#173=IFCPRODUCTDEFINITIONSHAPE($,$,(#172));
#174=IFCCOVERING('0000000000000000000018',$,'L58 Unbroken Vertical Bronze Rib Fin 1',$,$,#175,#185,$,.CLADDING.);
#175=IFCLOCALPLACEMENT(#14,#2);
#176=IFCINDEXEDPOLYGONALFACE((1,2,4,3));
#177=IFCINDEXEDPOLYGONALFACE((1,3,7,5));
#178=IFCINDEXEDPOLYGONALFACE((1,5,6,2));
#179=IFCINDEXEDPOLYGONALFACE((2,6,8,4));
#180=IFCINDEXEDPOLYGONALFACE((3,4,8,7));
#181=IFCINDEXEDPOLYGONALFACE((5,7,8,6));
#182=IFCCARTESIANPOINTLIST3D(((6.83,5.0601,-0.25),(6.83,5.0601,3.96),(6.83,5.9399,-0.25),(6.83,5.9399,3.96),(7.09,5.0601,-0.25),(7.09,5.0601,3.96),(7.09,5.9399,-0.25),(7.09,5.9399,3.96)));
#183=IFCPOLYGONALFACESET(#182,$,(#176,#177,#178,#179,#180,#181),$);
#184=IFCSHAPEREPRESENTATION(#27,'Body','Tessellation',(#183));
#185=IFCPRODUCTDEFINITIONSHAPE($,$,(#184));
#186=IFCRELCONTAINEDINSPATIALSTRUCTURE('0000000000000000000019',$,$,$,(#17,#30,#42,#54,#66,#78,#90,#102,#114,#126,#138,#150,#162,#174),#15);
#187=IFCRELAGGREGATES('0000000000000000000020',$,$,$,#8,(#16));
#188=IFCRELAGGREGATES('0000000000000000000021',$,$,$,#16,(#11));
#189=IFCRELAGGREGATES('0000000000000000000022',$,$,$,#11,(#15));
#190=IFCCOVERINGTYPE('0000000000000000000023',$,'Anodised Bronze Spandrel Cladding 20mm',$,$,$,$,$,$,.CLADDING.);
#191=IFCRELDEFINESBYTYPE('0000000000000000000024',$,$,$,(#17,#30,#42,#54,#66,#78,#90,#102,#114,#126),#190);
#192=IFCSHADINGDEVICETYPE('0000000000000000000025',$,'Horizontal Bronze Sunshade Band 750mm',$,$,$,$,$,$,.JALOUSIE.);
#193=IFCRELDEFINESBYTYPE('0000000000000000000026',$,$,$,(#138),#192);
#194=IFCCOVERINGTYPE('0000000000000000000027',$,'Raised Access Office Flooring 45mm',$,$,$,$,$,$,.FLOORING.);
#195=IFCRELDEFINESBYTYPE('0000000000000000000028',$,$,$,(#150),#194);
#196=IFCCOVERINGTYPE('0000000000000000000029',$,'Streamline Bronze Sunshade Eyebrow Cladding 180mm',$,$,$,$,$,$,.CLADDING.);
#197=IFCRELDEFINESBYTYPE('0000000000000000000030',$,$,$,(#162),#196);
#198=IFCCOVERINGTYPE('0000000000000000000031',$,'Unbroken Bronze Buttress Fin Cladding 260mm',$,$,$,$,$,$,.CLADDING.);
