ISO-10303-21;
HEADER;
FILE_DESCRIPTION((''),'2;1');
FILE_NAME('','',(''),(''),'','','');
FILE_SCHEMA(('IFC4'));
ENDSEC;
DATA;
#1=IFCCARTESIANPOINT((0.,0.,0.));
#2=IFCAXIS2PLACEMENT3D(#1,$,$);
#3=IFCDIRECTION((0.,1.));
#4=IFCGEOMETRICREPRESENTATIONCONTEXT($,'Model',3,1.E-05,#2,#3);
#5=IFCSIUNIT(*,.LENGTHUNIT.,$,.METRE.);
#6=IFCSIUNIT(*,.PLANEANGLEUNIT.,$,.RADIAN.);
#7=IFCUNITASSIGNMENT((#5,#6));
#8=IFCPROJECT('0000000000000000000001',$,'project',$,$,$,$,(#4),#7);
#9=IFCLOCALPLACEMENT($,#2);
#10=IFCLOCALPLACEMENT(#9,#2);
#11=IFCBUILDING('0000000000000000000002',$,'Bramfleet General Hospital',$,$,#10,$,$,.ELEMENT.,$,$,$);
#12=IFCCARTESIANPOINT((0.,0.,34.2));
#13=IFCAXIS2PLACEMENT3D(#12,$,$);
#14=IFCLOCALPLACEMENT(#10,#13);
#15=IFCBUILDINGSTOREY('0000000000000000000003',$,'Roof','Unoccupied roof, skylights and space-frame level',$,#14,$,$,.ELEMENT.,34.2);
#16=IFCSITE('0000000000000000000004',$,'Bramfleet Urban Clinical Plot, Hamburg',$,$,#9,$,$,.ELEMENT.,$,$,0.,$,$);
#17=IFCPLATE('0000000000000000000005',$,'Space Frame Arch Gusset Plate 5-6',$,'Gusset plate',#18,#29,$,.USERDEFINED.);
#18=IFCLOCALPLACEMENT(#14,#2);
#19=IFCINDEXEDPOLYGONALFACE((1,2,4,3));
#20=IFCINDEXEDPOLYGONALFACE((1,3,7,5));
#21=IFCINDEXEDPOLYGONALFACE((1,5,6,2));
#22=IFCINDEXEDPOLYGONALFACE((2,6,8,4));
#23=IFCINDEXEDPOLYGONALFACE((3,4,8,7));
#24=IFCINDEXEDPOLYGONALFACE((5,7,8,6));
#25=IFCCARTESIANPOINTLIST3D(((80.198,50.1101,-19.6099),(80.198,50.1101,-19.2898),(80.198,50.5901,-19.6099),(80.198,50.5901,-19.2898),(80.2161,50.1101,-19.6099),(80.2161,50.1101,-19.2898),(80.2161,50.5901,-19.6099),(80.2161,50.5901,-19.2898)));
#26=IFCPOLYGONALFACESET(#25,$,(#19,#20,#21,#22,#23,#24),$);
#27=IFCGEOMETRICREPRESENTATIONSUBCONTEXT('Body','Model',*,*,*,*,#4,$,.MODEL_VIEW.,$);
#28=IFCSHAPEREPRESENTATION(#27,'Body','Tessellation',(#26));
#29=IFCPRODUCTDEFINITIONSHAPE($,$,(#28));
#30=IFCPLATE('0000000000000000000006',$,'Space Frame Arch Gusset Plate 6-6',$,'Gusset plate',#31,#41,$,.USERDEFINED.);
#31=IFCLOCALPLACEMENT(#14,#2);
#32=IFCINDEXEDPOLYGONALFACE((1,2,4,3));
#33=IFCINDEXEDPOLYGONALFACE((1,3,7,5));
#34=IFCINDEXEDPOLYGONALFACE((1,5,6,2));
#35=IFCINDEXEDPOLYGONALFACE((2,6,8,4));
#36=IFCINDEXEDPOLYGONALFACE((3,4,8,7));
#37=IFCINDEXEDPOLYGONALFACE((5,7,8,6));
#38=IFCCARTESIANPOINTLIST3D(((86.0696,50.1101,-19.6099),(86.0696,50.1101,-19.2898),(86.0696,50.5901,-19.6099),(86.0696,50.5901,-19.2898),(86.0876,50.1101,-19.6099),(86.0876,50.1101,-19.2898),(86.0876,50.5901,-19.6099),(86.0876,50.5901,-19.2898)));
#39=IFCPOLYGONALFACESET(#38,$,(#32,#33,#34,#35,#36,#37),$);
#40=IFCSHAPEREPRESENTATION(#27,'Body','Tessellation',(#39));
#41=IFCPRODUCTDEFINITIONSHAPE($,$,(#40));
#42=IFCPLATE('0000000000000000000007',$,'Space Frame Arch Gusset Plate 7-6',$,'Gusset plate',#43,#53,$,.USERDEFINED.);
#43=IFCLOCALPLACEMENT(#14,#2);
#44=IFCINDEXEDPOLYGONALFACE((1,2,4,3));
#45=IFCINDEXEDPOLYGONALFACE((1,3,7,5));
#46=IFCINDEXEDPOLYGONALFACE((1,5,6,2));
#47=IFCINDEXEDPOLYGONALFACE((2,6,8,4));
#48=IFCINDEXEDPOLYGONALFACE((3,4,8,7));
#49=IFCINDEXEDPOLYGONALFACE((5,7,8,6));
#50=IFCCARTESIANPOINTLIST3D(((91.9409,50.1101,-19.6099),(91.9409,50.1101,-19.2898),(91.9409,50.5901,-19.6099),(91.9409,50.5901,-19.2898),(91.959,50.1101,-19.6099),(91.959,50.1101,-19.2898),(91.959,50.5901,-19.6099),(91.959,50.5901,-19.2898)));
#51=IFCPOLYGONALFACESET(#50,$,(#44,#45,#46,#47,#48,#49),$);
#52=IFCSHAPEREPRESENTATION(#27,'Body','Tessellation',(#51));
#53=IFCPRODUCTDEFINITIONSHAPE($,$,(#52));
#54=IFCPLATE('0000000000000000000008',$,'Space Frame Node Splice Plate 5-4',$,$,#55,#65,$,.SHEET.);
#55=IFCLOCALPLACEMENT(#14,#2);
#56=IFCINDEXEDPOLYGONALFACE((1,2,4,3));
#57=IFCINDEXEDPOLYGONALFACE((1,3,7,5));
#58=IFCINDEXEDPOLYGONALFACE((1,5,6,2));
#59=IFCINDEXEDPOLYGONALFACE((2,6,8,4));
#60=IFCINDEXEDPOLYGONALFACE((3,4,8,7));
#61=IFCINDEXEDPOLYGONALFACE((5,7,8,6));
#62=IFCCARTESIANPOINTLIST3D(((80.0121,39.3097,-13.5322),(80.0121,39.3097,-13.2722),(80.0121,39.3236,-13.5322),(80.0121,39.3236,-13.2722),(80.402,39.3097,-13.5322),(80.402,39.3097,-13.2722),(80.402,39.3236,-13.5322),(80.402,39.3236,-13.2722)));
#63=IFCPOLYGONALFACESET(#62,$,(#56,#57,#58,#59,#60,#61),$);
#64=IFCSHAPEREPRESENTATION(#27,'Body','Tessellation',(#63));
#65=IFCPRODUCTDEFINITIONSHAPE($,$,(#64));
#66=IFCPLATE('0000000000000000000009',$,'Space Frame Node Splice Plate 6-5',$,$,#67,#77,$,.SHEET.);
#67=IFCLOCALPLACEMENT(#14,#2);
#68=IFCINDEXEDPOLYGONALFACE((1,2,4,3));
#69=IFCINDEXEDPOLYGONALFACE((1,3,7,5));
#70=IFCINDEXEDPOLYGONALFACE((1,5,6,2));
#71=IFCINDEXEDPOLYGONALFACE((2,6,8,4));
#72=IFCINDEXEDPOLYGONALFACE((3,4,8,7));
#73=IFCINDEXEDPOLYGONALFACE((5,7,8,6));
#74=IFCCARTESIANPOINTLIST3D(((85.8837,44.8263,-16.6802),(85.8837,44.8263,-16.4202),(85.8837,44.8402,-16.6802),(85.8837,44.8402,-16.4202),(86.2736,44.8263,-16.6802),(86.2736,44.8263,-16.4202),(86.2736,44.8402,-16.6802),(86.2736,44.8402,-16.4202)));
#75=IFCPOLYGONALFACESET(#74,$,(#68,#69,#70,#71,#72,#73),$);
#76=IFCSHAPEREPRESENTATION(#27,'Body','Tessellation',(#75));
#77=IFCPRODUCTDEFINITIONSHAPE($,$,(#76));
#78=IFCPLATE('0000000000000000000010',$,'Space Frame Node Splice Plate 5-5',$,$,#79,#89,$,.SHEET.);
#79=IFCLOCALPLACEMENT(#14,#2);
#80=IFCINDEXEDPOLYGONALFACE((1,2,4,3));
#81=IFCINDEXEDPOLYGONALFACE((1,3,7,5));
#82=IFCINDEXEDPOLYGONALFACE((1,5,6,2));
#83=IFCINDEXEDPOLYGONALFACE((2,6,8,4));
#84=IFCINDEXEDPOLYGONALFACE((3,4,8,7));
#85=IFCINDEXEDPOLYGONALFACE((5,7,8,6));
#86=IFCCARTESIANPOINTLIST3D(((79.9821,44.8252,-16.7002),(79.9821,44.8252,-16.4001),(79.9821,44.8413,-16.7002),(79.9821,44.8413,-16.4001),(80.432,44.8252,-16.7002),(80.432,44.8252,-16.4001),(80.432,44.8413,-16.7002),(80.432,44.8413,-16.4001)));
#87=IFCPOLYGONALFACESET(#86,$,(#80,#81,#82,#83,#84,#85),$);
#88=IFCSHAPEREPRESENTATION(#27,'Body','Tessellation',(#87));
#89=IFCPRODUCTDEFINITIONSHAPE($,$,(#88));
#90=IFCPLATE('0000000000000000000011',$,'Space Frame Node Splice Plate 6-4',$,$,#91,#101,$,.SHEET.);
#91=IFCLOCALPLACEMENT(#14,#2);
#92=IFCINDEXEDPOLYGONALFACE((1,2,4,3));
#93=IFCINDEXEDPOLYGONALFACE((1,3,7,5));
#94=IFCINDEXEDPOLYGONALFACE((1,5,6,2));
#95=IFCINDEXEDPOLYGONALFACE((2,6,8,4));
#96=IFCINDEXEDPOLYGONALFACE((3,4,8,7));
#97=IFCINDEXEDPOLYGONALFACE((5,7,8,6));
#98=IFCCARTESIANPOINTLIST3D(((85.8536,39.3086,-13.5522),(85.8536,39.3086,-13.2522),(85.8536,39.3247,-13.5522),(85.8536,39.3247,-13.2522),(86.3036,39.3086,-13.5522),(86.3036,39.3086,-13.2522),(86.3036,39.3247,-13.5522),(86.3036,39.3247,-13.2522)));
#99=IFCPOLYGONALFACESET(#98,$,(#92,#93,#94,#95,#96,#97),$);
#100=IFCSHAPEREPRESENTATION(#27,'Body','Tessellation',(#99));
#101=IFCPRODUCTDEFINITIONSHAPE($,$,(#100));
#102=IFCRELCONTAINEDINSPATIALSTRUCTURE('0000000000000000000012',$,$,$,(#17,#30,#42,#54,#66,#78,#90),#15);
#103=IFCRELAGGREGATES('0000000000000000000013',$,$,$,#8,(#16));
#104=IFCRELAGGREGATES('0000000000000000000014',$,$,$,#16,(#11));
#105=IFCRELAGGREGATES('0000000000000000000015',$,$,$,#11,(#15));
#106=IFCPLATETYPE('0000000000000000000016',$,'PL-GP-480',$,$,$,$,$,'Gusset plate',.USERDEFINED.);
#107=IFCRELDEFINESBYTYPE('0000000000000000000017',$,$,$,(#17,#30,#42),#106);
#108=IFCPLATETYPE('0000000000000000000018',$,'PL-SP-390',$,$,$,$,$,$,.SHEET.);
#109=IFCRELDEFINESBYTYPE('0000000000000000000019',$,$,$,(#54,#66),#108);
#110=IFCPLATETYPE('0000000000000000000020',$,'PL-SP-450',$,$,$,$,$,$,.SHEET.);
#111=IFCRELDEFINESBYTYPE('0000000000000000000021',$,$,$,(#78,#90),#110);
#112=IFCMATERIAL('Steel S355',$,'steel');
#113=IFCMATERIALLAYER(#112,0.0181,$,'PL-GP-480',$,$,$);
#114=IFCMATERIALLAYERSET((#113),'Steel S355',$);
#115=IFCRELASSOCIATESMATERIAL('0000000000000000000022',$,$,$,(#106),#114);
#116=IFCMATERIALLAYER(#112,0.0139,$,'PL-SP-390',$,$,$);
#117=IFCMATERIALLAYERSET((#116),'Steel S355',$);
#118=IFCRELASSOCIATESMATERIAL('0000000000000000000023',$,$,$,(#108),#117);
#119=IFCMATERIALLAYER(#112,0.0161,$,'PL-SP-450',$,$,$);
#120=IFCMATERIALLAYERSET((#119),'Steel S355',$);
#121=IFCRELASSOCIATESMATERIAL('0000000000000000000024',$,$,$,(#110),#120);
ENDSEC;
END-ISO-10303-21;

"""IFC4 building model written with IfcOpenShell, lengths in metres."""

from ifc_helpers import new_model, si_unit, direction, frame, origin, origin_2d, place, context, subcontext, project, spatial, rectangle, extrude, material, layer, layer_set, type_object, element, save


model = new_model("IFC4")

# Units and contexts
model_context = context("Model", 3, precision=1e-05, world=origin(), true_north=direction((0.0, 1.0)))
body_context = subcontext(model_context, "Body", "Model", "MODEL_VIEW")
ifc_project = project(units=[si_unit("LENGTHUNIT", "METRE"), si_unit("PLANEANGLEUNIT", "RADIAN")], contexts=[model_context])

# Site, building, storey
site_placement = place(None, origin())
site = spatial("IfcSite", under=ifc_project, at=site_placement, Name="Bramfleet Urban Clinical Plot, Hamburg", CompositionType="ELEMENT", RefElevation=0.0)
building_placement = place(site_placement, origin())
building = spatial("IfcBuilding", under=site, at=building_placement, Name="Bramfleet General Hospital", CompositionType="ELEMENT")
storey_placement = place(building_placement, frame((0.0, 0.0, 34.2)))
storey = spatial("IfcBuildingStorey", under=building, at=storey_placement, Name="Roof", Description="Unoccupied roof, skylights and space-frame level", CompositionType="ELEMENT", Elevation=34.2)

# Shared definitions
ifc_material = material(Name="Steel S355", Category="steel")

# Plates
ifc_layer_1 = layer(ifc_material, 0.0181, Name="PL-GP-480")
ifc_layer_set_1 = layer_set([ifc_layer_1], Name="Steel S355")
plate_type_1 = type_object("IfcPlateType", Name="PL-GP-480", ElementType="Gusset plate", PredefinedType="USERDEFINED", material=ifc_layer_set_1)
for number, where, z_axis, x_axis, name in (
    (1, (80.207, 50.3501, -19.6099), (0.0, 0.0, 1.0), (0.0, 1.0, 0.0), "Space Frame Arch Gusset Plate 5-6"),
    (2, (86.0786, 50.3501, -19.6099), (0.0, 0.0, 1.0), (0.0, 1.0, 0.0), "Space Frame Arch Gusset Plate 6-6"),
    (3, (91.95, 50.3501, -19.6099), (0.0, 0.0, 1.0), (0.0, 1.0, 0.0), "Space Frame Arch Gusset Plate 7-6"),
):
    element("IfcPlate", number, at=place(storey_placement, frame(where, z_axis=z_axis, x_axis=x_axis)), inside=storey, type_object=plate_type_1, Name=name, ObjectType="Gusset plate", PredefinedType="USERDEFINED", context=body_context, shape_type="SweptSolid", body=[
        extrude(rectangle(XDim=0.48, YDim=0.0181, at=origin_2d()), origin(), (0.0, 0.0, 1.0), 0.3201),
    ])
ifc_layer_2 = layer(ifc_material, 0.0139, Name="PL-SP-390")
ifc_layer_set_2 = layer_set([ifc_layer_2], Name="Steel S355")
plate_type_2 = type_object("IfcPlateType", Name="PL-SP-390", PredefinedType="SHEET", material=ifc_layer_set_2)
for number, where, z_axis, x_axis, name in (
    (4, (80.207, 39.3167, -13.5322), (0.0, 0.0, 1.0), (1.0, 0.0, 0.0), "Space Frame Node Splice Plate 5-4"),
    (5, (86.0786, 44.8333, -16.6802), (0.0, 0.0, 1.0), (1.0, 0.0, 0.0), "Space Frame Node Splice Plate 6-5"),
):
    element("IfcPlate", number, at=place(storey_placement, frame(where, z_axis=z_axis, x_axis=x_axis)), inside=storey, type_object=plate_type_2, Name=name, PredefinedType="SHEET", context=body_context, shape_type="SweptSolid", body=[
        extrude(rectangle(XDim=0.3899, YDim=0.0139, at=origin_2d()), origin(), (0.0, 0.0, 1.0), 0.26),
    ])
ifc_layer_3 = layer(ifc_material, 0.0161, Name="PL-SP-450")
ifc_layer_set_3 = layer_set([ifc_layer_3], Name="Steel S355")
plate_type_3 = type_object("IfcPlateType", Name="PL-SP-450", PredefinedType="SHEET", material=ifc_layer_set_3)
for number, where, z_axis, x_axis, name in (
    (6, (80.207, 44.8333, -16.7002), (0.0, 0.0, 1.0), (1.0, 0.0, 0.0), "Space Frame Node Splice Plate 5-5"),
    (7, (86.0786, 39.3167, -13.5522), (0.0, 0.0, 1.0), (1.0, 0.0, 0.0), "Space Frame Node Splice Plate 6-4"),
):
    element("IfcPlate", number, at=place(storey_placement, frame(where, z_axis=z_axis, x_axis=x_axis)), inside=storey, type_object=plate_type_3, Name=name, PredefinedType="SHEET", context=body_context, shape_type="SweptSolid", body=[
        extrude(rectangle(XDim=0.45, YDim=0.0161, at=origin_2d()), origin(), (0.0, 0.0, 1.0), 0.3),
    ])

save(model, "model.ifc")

----

Among the entries above, copy exactly only the lines starting with the one containing "#120=IFCMATERIALLAYERSET((#119),'Steel S355',$);" and going through the one containing "END-ISO-10303-21;", both ends included.

**YOUR SOLUTION:**
#120=IFCMATERIALLAYERSET((#119),'Steel S355',$);
#121=IFCRELASSOCIATESMATERIAL('0000000000000000000024',$,$,$,(#110),#120);
ENDSEC;
END-ISO-10303-21;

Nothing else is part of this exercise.